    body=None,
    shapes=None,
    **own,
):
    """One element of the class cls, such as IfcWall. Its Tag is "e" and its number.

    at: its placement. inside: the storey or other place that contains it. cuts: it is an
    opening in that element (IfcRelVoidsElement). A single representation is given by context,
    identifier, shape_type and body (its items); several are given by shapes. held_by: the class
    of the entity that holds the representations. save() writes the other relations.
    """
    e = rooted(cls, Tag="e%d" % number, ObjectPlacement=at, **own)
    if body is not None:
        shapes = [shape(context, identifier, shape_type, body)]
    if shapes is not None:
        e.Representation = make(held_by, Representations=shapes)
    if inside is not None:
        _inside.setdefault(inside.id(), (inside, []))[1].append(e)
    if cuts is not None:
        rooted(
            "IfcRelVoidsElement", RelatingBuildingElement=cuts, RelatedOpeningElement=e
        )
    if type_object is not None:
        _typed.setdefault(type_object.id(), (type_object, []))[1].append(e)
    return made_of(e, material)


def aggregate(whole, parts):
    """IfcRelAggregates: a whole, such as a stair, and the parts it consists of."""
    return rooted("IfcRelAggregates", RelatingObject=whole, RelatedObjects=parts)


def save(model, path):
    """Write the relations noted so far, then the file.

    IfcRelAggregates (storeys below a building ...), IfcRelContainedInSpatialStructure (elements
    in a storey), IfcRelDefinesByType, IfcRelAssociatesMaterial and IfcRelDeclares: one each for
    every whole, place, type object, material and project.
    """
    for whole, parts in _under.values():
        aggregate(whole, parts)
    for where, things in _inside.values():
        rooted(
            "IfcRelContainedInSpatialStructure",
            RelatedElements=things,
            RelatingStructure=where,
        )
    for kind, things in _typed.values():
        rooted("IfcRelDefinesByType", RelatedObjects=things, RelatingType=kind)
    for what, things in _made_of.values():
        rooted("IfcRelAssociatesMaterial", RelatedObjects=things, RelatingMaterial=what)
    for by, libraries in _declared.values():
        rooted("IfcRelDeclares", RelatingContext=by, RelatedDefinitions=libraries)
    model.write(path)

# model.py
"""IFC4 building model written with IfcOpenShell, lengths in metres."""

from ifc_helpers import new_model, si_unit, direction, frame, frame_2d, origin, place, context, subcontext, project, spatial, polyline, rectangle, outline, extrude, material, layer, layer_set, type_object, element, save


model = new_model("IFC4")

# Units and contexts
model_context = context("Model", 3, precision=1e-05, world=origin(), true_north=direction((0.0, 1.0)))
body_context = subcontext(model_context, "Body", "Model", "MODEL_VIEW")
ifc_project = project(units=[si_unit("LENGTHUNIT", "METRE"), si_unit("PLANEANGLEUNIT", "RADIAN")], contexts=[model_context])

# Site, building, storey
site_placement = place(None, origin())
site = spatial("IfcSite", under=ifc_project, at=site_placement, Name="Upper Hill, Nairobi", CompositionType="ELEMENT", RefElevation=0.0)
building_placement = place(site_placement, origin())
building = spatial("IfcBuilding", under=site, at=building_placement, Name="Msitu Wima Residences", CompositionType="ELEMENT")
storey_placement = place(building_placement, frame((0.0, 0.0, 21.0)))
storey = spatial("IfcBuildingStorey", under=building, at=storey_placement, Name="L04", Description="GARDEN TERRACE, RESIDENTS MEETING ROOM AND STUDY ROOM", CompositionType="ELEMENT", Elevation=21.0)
========
What is needed »
The whole listing, restated word for word, is the expected answer.

Result below »
    body=None,
    shapes=None,
    **own,
):
    """One element of the class cls, such as IfcWall. Its Tag is "e" and its number.

    at: its placement. inside: the storey or other place that contains it. cuts: it is an
    opening in that element (IfcRelVoidsElement). A single representation is given by context,
    identifier, shape_type and body (its items); several are given by shapes. held_by: the class
    of the entity that holds the representations. save() writes the other relations.
    """
    e = rooted(cls, Tag="e%d" % number, ObjectPlacement=at, **own)
    if body is not None:
        shapes = [shape(context, identifier, shape_type, body)]
    if shapes is not None:
        e.Representation = make(held_by, Representations=shapes)
    if inside is not None:
        _inside.setdefault(inside.id(), (inside, []))[1].append(e)
    if cuts is not None:
        rooted(
            "IfcRelVoidsElement", RelatingBuildingElement=cuts, RelatedOpeningElement=e
        )
    if type_object is not None:
        _typed.setdefault(type_object.id(), (type_object, []))[1].append(e)
    return made_of(e, material)


def aggregate(whole, parts):
    """IfcRelAggregates: a whole, such as a stair, and the parts it consists of."""
    return rooted("IfcRelAggregates", RelatingObject=whole, RelatedObjects=parts)


def save(model, path):
    """Write the relations noted so far, then the file.

    IfcRelAggregates (storeys below a building ...), IfcRelContainedInSpatialStructure (elements
    in a storey), IfcRelDefinesByType, IfcRelAssociatesMaterial and IfcRelDeclares: one each for
    every whole, place, type object, material and project.
    """
    for whole, parts in _under.values():
        aggregate(whole, parts)
    for where, things in _inside.values():
        rooted(
            "IfcRelContainedInSpatialStructure",
            RelatedElements=things,
            RelatingStructure=where,
        )
    for kind, things in _typed.values():
        rooted("IfcRelDefinesByType", RelatedObjects=things, RelatingType=kind)
    for what, things in _made_of.values():
        rooted("IfcRelAssociatesMaterial", RelatedObjects=things, RelatingMaterial=what)
    for by, libraries in _declared.values():
        rooted("IfcRelDeclares", RelatingContext=by, RelatedDefinitions=libraries)
    model.write(path)

# model.py
"""IFC4 building model written with IfcOpenShell, lengths in metres."""

from ifc_helpers import new_model, si_unit, direction, frame, frame_2d, origin, place, context, subcontext, project, spatial, polyline, rectangle, outline, extrude, material, layer, layer_set, type_object, element, save


model = new_model("IFC4")

# Units and contexts
model_context = context("Model", 3, precision=1e-05, world=origin(), true_north=direction((0.0, 1.0)))
body_context = subcontext(model_context, "Body", "Model", "MODEL_VIEW")
ifc_project = project(units=[si_unit("LENGTHUNIT", "METRE"), si_unit("PLANEANGLEUNIT", "RADIAN")], contexts=[model_context])

# Site, building, storey
site_placement = place(None, origin())
site = spatial("IfcSite", under=ifc_project, at=site_placement, Name="Upper Hill, Nairobi", CompositionType="ELEMENT", RefElevation=0.0)
building_placement = place(site_placement, origin())
building = spatial("IfcBuilding", under=site, at=building_placement, Name="Msitu Wima Residences", CompositionType="ELEMENT")
storey_placement = place(building_placement, frame((0.0, 0.0, 21.0)))
storey = spatial("IfcBuildingStorey", under=building, at=storey_placement, Name="L04", Description="GARDEN TERRACE, RESIDENTS MEETING ROOM AND STUDY ROOM", CompositionType="ELEMENT", Elevation=21.0)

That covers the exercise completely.